Task requirements: Your answer must consist of exactly the lines below, starting with the line with "#176=IFCRELAGGREGATES('0000000000000000000018',$,$,$,#16,(#11));" and going on through the line with "guardrail 1150 mm',$,$,$,$,$,.GUARDRAIL.);", and nothing else.

Data extracts:
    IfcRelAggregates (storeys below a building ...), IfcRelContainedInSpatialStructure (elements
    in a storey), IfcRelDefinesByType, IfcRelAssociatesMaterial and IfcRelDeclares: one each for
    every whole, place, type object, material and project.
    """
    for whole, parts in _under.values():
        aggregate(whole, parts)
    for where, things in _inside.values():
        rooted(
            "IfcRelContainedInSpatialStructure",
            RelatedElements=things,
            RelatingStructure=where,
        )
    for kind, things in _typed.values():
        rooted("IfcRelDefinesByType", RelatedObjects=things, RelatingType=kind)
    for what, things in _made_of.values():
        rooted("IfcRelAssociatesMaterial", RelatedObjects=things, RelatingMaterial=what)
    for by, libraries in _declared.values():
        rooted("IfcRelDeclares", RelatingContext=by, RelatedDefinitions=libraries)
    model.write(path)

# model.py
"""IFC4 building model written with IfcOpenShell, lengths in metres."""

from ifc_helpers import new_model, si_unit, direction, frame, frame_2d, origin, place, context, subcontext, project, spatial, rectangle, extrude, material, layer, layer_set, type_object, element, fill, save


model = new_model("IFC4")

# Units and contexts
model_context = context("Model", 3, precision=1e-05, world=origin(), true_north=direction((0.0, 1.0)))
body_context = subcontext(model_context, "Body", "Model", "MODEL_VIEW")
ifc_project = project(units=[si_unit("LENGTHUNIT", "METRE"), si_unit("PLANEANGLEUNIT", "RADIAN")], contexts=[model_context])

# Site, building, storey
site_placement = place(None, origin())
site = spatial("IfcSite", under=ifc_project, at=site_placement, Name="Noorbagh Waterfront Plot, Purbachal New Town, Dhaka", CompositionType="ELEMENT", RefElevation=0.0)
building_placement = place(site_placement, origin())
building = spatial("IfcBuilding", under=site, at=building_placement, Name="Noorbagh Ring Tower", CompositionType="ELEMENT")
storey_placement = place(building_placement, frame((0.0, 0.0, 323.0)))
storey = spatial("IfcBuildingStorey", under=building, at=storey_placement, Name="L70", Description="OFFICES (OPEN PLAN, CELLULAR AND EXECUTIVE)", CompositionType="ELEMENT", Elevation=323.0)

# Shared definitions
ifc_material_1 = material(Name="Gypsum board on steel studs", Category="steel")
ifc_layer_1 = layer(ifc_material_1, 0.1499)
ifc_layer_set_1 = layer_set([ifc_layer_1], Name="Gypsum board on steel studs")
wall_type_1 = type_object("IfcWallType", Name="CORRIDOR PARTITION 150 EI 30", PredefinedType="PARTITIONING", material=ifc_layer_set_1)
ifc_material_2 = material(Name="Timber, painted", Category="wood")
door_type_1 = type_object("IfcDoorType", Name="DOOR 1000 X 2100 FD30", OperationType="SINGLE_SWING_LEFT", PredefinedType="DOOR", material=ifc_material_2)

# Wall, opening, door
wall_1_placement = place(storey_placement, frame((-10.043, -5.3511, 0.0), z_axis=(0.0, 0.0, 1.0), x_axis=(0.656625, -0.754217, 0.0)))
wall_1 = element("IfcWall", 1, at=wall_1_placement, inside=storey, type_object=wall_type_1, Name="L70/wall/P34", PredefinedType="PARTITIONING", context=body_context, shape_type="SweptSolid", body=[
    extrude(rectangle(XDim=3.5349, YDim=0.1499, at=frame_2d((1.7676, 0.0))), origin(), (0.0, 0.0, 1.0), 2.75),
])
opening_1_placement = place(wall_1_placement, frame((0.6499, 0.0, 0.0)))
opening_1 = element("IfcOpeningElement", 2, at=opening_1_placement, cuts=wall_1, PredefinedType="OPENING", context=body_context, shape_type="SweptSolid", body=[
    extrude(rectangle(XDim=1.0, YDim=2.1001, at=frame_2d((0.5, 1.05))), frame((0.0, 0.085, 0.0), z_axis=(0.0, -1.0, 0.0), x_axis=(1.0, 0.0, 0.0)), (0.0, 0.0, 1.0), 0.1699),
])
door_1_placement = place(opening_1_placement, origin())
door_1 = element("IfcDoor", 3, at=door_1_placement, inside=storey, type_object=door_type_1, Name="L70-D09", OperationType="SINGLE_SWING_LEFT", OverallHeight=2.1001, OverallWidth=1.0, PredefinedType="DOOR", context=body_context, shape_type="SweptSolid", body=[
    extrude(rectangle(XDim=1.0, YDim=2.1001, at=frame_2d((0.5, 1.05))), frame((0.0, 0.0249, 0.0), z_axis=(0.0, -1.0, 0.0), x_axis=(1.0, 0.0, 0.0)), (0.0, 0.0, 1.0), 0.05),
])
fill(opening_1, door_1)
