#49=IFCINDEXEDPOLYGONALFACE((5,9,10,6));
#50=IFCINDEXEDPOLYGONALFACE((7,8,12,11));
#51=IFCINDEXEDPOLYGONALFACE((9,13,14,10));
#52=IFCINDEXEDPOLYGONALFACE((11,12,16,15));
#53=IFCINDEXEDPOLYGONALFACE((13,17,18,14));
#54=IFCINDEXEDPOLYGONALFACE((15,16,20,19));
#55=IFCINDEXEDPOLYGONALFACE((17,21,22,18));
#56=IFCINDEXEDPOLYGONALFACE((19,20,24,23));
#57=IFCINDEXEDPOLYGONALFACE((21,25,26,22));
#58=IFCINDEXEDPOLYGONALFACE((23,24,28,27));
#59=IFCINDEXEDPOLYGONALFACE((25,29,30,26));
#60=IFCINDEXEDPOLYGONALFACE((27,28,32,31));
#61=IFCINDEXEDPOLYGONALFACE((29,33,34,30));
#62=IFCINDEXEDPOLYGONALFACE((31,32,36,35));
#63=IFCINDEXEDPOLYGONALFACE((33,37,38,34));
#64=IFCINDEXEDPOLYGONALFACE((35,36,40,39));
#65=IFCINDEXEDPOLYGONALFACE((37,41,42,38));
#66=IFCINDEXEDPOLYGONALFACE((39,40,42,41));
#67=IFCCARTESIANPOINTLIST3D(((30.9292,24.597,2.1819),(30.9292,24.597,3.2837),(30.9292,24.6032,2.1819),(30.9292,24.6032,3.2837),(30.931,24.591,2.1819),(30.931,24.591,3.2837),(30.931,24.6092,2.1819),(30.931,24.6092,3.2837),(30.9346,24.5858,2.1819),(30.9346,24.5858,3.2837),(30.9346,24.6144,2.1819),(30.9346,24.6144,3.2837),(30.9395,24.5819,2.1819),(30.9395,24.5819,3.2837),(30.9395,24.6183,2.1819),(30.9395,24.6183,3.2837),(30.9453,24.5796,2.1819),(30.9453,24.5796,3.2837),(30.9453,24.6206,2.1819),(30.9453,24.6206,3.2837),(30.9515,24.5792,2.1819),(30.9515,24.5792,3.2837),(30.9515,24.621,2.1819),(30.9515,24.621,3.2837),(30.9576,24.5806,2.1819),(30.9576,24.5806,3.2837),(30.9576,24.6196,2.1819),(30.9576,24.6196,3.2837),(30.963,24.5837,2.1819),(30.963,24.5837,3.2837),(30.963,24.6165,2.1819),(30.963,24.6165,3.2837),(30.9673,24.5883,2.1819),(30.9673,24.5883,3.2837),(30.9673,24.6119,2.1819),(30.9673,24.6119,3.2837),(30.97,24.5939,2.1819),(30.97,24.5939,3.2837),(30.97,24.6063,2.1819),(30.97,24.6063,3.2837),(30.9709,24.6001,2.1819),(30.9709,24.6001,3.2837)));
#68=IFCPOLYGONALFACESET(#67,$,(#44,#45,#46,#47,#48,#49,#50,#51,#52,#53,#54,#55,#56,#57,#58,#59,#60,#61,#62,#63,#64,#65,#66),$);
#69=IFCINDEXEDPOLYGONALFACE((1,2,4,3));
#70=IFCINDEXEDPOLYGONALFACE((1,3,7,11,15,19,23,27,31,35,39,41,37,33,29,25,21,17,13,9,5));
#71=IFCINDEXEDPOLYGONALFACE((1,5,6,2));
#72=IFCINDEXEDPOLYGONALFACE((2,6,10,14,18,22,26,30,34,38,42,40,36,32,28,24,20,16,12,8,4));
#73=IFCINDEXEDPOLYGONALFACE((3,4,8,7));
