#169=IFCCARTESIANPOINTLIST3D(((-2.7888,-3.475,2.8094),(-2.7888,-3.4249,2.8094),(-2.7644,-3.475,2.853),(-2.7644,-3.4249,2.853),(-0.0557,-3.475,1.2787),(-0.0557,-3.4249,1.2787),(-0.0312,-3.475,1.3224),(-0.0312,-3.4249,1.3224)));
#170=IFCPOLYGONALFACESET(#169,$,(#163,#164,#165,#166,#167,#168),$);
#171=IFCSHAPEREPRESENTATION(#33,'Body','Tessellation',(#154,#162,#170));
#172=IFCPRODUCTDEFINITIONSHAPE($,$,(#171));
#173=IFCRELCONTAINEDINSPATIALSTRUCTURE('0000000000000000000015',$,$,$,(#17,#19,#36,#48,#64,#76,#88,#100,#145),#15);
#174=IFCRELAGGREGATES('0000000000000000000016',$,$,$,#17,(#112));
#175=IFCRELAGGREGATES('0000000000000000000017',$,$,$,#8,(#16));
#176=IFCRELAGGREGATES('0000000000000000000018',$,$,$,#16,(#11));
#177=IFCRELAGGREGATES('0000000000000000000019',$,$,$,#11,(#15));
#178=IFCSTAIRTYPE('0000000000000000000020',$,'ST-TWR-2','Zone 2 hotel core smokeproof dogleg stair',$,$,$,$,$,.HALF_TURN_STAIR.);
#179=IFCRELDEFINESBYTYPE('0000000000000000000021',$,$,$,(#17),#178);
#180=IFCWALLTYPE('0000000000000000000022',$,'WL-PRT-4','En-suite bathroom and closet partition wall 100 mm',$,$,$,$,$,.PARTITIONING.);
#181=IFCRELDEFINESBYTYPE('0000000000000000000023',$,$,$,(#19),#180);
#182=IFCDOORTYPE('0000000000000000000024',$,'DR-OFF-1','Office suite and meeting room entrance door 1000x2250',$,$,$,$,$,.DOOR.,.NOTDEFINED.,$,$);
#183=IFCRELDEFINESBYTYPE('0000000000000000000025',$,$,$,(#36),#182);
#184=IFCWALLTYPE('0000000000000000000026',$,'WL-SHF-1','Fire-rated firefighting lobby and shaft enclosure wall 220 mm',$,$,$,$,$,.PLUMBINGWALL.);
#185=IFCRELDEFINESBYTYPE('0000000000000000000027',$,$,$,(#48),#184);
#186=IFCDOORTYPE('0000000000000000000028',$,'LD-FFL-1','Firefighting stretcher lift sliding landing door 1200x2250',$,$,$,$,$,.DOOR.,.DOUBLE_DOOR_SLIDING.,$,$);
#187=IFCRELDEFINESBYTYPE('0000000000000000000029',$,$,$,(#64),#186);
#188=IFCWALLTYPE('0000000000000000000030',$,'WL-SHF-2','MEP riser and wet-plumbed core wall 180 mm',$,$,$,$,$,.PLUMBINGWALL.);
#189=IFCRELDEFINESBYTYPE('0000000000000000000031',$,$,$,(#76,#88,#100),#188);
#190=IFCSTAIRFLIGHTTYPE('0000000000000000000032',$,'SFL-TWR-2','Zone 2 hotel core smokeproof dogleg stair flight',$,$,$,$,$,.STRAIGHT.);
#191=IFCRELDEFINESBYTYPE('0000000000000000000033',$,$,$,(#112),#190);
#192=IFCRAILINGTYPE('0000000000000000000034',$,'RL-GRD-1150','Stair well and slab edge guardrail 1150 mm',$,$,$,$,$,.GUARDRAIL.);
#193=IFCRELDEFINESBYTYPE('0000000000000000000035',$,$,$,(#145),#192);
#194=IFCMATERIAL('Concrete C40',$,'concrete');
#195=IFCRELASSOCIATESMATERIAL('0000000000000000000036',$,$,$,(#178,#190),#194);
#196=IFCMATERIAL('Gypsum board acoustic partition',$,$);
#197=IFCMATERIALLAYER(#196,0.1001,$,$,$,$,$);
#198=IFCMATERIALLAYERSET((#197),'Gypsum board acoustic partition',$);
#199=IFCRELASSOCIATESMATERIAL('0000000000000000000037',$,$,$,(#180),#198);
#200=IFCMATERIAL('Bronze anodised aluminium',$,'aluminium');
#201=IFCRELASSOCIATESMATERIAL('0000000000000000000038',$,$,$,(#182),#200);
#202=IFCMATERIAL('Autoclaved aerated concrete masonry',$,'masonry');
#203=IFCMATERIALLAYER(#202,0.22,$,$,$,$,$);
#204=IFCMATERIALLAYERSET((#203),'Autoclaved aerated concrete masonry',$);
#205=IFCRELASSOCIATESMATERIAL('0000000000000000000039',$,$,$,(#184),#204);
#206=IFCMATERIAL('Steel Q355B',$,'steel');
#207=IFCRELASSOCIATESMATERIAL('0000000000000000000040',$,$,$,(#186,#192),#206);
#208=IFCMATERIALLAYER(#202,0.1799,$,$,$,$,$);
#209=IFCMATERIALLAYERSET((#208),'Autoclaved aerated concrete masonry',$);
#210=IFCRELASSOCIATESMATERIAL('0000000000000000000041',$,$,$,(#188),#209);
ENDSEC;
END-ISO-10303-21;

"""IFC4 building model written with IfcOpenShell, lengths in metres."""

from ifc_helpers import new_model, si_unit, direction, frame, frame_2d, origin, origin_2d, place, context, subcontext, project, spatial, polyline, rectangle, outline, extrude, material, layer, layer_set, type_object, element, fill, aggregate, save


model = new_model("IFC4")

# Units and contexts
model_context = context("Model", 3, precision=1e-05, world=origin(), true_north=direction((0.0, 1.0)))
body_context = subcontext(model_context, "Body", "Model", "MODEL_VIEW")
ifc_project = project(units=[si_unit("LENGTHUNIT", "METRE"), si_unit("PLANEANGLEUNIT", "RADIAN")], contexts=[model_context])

Expected answer:
#176=IFCRELAGGREGATES('0000000000000000000018',$,$,$,#16,(#11));
#177=IFCRELAGGREGATES('0000000000000000000019',$,$,$,#11,(#15));
#178=IFCSTAIRTYPE('0000000000000000000020',$,'ST-TWR-2','Zone 2 hotel core smokeproof dogleg stair',$,$,$,$,$,.HALF_TURN_STAIR.);
#179=IFCRELDEFINESBYTYPE('0000000000000000000021',$,$,$,(#17),#178);
#180=IFCWALLTYPE('0000000000000000000022',$,'WL-PRT-4','En-suite bathroom and closet partition wall 100 mm',$,$,$,$,$,.PARTITIONING.);
#181=IFCRELDEFINESBYTYPE('0000000000000000000023',$,$,$,(#19),#180);
#182=IFCDOORTYPE('0000000000000000000024',$,'DR-OFF-1','Office suite and meeting room entrance door 1000x2250',$,$,$,$,$,.DOOR.,.NOTDEFINED.,$,$);
#183=IFCRELDEFINESBYTYPE('0000000000000000000025',$,$,$,(#36),#182);
#184=IFCWALLTYPE('0000000000000000000026',$,'WL-SHF-1','Fire-rated firefighting lobby and shaft enclosure wall 220 mm',$,$,$,$,$,.PLUMBINGWALL.);
#185=IFCRELDEFINESBYTYPE('0000000000000000000027',$,$,$,(#48),#184);
#186=IFCDOORTYPE('0000000000000000000028',$,'LD-FFL-1','Firefighting stretcher lift sliding landing door 1200x2250',$,$,$,$,$,.DOOR.,.DOUBLE_DOOR_SLIDING.,$,$);
#187=IFCRELDEFINESBYTYPE('0000000000000000000029',$,$,$,(#64),#186);
#188=IFCWALLTYPE('0000000000000000000030',$,'WL-SHF-2','MEP riser and wet-plumbed core wall 180 mm',$,$,$,$,$,.PLUMBINGWALL.);
#189=IFCRELDEFINESBYTYPE('0000000000000000000031',$,$,$,(#76,#88,#100),#188);
#190=IFCSTAIRFLIGHTTYPE('0000000000000000000032',$,'SFL-TWR-2','Zone 2 hotel core smokeproof dogleg stair flight',$,$,$,$,$,.STRAIGHT.);
#191=IFCRELDEFINESBYTYPE('0000000000000000000033',$,$,$,(#112),#190);
#192=IFCRAILINGTYPE('0000000000000000000034',$,'RL-GRD-1150','Stair well and slab edge guardrail 1150 mm',$,$,$,$,$,.GUARDRAIL.);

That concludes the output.